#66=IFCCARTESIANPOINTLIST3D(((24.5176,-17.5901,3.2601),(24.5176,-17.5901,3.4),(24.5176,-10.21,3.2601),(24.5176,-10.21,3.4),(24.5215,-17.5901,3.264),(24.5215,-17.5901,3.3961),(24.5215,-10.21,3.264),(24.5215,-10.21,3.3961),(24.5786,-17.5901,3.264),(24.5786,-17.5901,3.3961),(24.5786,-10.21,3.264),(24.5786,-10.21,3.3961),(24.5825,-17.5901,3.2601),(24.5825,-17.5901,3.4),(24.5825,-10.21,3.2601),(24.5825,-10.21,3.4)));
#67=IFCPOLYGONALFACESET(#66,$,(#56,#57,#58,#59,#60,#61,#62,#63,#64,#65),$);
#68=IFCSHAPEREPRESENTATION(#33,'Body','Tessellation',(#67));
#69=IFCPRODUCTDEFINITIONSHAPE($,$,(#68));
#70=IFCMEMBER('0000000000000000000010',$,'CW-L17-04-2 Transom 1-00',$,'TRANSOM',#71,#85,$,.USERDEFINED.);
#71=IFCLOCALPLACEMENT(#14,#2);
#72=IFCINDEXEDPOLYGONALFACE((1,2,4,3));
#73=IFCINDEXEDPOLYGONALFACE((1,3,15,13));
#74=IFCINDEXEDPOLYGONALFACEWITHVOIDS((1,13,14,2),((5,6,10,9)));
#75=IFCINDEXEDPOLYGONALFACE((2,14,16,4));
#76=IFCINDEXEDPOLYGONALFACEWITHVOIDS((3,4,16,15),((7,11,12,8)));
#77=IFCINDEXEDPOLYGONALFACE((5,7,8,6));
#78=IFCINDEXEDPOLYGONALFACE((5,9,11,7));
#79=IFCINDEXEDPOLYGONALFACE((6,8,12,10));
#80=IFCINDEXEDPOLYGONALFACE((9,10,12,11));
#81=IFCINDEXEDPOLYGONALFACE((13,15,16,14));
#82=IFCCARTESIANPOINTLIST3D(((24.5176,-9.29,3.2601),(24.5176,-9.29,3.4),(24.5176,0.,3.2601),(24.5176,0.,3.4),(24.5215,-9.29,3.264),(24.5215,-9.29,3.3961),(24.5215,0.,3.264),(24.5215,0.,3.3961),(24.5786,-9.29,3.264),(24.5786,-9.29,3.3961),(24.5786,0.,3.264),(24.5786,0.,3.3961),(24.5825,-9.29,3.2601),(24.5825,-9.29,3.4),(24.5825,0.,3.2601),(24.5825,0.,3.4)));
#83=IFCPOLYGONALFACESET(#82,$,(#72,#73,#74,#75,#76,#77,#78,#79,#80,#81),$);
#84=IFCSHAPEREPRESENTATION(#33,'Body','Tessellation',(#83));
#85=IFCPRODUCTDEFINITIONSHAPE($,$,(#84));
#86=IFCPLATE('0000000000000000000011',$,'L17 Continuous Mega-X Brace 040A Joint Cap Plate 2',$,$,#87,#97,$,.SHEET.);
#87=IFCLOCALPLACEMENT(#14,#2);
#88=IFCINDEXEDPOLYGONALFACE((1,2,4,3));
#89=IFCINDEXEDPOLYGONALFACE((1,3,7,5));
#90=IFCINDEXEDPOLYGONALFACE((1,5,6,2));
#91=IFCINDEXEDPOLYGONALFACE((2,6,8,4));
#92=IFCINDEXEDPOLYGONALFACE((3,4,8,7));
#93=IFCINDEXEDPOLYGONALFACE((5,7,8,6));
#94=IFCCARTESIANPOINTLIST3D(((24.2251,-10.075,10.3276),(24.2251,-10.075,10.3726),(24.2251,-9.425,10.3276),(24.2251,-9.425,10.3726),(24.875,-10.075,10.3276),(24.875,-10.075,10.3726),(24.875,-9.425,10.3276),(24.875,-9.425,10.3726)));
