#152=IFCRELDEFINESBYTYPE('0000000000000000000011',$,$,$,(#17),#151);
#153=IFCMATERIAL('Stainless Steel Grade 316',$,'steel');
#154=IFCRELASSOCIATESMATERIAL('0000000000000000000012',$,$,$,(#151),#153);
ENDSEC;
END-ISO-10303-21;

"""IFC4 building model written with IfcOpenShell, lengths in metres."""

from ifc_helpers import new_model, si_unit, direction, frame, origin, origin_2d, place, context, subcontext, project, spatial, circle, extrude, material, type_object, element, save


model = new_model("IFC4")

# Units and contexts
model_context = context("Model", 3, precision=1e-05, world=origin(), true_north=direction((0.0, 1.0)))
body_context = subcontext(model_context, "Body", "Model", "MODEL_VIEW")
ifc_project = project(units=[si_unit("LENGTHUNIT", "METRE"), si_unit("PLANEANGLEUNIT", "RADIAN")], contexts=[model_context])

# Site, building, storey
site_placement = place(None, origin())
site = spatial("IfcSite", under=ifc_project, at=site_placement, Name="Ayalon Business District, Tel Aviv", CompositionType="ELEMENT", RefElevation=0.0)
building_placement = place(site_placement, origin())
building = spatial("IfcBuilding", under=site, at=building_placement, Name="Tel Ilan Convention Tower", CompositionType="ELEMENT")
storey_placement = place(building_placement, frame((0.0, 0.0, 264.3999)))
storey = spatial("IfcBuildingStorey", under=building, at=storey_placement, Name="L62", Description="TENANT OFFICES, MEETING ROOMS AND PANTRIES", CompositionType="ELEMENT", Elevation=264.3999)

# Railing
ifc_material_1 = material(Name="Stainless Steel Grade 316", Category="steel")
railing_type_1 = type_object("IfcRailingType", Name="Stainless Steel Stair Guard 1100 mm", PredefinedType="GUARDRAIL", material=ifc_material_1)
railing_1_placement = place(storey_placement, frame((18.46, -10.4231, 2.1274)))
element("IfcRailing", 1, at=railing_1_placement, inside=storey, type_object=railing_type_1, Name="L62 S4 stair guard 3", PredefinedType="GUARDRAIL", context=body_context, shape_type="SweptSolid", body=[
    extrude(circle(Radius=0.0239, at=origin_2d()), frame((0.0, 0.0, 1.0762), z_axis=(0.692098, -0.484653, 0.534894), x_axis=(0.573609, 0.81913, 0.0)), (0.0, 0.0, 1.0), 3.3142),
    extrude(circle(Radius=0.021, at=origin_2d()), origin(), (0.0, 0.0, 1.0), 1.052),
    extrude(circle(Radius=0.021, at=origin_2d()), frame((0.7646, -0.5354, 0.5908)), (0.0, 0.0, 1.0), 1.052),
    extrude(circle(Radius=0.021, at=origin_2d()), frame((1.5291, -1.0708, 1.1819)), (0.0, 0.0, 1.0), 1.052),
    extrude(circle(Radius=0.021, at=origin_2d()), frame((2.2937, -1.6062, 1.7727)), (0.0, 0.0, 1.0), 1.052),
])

Task instructions
Find all lines holding the word "IFCPOLYGONALFACESET" in the records above and copy them.

Final answer
#67=IFCPOLYGONALFACESET(#66,$,(#56,#57,#58,#59,#60,#61,#62,#63,#64,#65),$);
#83=IFCPOLYGONALFACESET(#82,$,(#72,#73,#74,#75,#76,#77,#78,#79,#80,#81),$);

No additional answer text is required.